Aim of the task
Using the data that follows, give the number of lines where the string "IFCPRODUCTDEFINITIONSHAPE" occurs, and nothing else.

==== Input ====

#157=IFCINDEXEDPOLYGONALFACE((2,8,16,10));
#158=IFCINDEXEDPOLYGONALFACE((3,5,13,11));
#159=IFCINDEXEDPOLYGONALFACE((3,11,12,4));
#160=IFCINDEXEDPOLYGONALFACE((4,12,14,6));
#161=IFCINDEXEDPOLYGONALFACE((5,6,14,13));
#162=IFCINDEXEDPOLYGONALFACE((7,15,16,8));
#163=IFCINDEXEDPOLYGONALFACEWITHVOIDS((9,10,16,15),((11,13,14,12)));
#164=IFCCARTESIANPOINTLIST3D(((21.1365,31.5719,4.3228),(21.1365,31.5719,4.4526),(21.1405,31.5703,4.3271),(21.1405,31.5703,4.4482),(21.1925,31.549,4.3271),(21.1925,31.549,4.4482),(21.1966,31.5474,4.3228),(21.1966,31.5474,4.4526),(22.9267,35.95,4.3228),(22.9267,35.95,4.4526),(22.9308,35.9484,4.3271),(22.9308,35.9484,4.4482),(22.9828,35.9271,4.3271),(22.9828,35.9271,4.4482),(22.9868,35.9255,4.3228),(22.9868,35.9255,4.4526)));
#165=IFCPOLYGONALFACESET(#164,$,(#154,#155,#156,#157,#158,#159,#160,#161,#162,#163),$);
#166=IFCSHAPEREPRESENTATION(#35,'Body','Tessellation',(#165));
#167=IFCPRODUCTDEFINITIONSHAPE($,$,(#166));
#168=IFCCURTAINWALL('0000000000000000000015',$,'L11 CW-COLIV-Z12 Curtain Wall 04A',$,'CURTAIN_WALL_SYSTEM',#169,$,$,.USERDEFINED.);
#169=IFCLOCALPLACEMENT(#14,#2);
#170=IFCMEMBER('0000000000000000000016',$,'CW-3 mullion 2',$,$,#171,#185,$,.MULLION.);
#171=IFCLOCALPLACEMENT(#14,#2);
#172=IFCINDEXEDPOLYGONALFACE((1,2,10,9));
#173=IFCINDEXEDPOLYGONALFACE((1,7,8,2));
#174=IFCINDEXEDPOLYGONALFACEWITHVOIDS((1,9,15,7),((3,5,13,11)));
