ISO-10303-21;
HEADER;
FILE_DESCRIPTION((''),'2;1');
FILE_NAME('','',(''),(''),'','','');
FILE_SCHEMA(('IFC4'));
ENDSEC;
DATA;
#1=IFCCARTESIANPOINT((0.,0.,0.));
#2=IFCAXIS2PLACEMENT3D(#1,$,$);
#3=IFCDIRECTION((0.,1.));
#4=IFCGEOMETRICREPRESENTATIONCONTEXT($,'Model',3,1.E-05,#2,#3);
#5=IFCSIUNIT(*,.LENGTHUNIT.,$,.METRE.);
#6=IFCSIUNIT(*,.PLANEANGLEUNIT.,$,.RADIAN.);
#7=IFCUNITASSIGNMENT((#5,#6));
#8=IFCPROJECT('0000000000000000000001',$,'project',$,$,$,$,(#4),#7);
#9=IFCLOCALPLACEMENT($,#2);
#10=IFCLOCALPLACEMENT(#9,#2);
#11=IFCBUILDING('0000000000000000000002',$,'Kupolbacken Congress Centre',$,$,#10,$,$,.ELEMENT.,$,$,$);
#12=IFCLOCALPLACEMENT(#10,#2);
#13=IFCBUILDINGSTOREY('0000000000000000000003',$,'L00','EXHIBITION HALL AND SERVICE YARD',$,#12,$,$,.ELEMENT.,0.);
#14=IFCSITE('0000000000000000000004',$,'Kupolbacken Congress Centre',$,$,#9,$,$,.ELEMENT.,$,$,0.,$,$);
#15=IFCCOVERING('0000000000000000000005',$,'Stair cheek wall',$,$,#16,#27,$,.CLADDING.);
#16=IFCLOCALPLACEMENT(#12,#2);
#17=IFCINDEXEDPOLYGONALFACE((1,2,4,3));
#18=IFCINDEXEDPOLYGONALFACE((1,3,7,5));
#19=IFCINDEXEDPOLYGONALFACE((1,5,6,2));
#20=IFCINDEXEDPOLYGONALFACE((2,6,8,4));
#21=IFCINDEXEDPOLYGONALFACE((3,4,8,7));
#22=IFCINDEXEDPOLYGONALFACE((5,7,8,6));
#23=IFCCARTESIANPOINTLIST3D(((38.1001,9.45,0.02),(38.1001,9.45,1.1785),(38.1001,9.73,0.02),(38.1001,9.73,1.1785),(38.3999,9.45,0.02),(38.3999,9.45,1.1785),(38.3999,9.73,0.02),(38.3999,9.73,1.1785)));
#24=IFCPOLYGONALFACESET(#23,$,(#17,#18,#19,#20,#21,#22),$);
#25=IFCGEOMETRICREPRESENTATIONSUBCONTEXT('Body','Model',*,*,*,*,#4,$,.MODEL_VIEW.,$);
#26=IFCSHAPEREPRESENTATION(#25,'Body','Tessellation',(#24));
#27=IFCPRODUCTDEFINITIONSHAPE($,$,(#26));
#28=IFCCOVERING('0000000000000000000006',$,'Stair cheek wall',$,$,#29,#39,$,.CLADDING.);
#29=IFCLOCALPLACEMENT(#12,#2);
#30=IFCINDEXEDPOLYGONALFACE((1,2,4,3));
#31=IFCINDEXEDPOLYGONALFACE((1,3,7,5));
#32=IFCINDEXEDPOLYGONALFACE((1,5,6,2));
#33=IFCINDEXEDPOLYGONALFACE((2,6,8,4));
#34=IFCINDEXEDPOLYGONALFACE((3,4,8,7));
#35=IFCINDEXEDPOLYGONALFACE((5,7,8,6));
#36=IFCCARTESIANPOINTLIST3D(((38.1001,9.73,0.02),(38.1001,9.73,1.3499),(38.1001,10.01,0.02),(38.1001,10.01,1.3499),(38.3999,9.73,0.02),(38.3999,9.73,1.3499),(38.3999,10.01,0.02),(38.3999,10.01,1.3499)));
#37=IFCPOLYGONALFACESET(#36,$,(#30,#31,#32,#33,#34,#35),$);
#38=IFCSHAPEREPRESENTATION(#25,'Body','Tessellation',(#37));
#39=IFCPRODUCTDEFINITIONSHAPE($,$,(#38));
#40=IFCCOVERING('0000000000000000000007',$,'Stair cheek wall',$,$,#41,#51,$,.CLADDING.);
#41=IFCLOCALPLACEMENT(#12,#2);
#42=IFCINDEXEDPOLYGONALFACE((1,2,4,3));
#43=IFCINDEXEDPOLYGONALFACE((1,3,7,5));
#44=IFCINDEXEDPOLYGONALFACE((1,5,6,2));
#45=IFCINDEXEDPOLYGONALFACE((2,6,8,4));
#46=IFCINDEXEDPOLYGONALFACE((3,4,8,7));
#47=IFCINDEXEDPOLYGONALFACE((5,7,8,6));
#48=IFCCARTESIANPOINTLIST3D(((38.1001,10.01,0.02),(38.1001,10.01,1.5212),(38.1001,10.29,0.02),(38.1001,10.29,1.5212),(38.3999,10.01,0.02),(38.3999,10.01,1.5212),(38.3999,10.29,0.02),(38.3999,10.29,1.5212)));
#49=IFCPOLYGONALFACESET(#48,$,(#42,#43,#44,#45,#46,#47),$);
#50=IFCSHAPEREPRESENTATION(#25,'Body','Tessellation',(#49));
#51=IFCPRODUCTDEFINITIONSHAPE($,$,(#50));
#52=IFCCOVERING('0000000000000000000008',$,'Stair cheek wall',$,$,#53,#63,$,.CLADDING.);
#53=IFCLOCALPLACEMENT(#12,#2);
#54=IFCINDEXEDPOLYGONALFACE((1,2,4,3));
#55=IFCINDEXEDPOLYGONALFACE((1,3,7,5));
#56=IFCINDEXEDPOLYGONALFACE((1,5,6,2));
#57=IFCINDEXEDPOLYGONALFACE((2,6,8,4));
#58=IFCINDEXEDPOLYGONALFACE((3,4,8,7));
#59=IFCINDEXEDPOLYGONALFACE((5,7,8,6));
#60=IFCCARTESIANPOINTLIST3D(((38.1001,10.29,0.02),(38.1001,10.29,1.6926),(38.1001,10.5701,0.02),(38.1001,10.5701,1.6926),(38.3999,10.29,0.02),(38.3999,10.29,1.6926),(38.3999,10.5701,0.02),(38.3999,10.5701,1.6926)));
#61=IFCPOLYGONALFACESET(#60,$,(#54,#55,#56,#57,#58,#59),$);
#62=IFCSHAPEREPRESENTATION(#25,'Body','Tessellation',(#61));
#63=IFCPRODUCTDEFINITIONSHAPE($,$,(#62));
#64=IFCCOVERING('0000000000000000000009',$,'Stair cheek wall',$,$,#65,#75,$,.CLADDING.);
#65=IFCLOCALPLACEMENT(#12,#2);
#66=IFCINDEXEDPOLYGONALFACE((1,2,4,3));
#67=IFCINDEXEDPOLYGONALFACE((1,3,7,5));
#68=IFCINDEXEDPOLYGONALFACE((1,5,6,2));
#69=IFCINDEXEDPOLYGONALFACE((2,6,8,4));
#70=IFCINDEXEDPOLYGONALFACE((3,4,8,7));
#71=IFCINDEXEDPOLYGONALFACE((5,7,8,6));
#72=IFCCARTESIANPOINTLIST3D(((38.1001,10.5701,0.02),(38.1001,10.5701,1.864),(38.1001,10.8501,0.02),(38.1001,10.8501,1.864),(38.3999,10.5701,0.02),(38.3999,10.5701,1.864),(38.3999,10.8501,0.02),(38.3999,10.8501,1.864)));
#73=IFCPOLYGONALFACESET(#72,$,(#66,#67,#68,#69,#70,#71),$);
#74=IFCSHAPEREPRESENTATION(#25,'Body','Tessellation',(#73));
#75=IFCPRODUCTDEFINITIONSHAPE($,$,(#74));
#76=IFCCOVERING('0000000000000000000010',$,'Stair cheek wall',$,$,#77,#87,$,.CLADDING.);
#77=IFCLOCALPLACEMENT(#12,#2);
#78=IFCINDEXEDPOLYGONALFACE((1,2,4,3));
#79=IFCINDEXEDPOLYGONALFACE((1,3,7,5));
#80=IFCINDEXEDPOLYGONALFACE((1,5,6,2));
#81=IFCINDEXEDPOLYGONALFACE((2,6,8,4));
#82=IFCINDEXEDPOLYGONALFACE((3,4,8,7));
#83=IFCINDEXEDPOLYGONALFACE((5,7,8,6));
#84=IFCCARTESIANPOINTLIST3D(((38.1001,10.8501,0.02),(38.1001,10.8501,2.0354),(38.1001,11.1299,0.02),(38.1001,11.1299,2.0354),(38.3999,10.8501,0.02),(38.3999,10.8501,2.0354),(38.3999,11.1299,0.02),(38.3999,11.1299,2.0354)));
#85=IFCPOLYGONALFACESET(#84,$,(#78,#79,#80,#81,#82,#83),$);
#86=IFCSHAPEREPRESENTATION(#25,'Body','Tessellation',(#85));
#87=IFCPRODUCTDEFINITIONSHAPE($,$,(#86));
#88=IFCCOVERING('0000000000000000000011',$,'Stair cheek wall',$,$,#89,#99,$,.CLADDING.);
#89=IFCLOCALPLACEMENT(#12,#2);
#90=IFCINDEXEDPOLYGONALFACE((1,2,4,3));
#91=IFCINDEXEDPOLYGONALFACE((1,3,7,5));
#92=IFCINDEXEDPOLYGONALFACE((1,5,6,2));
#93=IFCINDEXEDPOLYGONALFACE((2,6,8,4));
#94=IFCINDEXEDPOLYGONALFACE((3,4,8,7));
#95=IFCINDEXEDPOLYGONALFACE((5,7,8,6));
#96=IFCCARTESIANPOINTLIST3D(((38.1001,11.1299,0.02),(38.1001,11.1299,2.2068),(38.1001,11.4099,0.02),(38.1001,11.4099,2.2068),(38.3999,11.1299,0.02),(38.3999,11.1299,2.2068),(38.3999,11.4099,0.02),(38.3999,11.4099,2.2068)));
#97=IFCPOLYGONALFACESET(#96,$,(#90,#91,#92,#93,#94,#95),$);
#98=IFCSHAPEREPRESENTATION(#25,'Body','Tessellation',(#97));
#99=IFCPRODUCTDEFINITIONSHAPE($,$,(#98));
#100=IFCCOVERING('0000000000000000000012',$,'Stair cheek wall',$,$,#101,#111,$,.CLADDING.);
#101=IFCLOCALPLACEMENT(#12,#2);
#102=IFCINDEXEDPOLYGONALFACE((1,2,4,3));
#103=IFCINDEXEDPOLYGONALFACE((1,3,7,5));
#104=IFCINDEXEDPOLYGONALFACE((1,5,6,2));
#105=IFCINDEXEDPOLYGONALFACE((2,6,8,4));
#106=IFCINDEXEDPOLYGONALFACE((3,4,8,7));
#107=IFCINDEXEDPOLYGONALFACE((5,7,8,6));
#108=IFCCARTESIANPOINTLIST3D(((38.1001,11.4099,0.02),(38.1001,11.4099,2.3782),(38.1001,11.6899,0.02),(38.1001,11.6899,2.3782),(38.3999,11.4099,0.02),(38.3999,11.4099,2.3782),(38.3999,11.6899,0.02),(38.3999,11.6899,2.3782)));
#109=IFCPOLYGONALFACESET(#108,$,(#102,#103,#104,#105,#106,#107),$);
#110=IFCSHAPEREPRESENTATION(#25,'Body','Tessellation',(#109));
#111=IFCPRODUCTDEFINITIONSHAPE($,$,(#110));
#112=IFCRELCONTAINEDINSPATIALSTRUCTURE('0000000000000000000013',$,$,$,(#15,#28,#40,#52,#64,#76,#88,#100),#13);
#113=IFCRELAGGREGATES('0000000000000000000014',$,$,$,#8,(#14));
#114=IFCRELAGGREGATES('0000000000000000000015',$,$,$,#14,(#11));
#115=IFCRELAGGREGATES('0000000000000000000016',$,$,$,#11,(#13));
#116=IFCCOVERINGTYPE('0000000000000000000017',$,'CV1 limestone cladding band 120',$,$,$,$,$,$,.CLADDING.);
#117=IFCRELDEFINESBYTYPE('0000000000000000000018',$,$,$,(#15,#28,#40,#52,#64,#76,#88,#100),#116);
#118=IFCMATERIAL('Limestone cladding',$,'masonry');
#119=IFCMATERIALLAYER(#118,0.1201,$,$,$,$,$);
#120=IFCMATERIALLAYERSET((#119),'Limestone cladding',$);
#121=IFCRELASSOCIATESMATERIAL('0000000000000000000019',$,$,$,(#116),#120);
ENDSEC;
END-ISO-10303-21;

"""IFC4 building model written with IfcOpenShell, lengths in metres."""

from ifc_helpers import new_model, si_unit, direction, frame, origin, place, context, subcontext, project, spatial, polyline, outline, extrude, material, layer, layer_set, type_object, element, save


model = new_model("IFC4")

# Units and contexts
model_context = context("Model", 3, precision=1e-05, world=origin(), true_north=direction((0.0, 1.0)))
body_context = subcontext(model_context, "Body", "Model", "MODEL_VIEW")
ifc_project = project(units=[si_unit("LENGTHUNIT", "METRE"), si_unit("PLANEANGLEUNIT", "RADIAN")], contexts=[model_context])

# Site, building, storey
site_placement = place(None, origin())
site = spatial("IfcSite", under=ifc_project, at=site_placement, Name="Kupolbacken Congress Centre", CompositionType="ELEMENT", RefElevation=0.0)
building_placement = place(site_placement, origin())
building = spatial("IfcBuilding", under=site, at=building_placement, Name="Kupolbacken Congress Centre", CompositionType="ELEMENT")
storey_placement = place(building_placement, origin())
storey = spatial("IfcBuildingStorey", under=building, at=storey_placement, Name="L00", Description="EXHIBITION HALL AND SERVICE YARD", CompositionType="ELEMENT", Elevation=0.0)

# Coverings
ifc_material = material(Name="Limestone cladding", Category="masonry")
ifc_layer = layer(ifc_material, 0.1201)
ifc_layer_set = layer_set([ifc_layer], Name="Limestone cladding")
covering_type = type_object("IfcCoveringType", Name="CV1 limestone cladding band 120", PredefinedType="CLADDING", material=ifc_layer_set)
covering_1_placement = place(storey_placement, frame((0.0, 0.0, 0.02)))
element("IfcCovering", 1, at=covering_1_placement, inside=storey, type_object=covering_type, Name="Stair cheek wall", PredefinedType="CLADDING", context=body_context, shape_type="SweptSolid", body=[
    extrude(outline(polyline([(38.3999, 9.45), (38.3999, 9.73), (38.1001, 9.73), (38.1001, 9.45), (38.3999, 9.45)])), origin(), (0.0, 0.0, 1.0), 1.1584),
])
covering_2_placement = place(storey_placement, frame((0.0, 0.0, 0.02)))
element("IfcCovering", 2, at=covering_2_placement, inside=storey, type_object=covering_type, Name="Stair cheek wall", PredefinedType="CLADDING", context=body_context, shape_type="SweptSolid", body=[
    extrude(outline(polyline([(38.3999, 9.73), (38.3999, 10.01), (38.1001, 10.01), (38.1001, 9.73), (38.3999, 9.73)])), origin(), (0.0, 0.0, 1.0), 1.3298),
])
covering_3_placement = place(storey_placement, frame((0.0, 0.0, 0.02)))
element("IfcCovering", 3, at=covering_3_placement, inside=storey, type_object=covering_type, Name="Stair cheek wall", PredefinedType="CLADDING", context=body_context, shape_type="SweptSolid", body=[
    extrude(outline(polyline([(38.3999, 10.01), (38.3999, 10.29), (38.1001, 10.29), (38.1001, 10.01), (38.3999, 10.01)])), origin(), (0.0, 0.0, 1.0), 1.5012),
])
covering_4_placement = place(storey_placement, frame((0.0, 0.0, 0.02)))
element("IfcCovering", 4, at=covering_4_placement, inside=storey, type_object=covering_type, Name="Stair cheek wall", PredefinedType="CLADDING", context=body_context, shape_type="SweptSolid", body=[
    extrude(outline(polyline([(38.3999, 10.29), (38.3999, 10.5701), (38.1001, 10.5701), (38.1001, 10.29), (38.3999, 10.29)])), origin(), (0.0, 0.0, 1.0), 1.6726),
])
covering_5_placement = place(storey_placement, frame((0.0, 0.0, 0.02)))
element("IfcCovering", 5, at=covering_5_placement, inside=storey, type_object=covering_type, Name="Stair cheek wall", PredefinedType="CLADDING", context=body_context, shape_type="SweptSolid", body=[
    extrude(outline(polyline([(38.3999, 10.5701), (38.3999, 10.8501), (38.1001, 10.8501), (38.1001, 10.5701), (38.3999, 10.5701)])), origin(), (0.0, 0.0, 1.0), 1.844),
])
covering_6_placement = place(storey_placement, frame((0.0, 0.0, 0.02)))
element("IfcCovering", 6, at=covering_6_placement, inside=storey, type_object=covering_type, Name="Stair cheek wall", PredefinedType="CLADDING", context=body_context, shape_type="SweptSolid", body=[
    extrude(outline(polyline([(38.3999, 10.8501), (38.3999, 11.1299), (38.1001, 11.1299), (38.1001, 10.8501), (38.3999, 10.8501)])), origin(), (0.0, 0.0, 1.0), 2.0154),
])
covering_7_placement = place(storey_placement, frame((0.0, 0.0, 0.02)))
element("IfcCovering", 7, at=covering_7_placement, inside=storey, type_object=covering_type, Name="Stair cheek wall", PredefinedType="CLADDING", context=body_context, shape_type="SweptSolid", body=[
    extrude(outline(polyline([(38.3999, 11.1299), (38.3999, 11.4099), (38.1001, 11.4099), (38.1001, 11.1299), (38.3999, 11.1299)])), origin(), (0.0, 0.0, 1.0), 2.1868),
])
covering_8_placement = place(storey_placement, frame((0.0, 0.0, 0.02)))
element("IfcCovering", 8, at=covering_8_placement, inside=storey, type_object=covering_type, Name="Stair cheek wall", PredefinedType="CLADDING", context=body_context, shape_type="SweptSolid", body=[
    extrude(outline(polyline([(38.3999, 11.4099), (38.3999, 11.6899), (38.1001, 11.6899), (38.1001, 11.4099), (38.3999, 11.4099)])), origin(), (0.0, 0.0, 1.0), 2.3582),
])

save(model, "model.ifc")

====

Answer space
9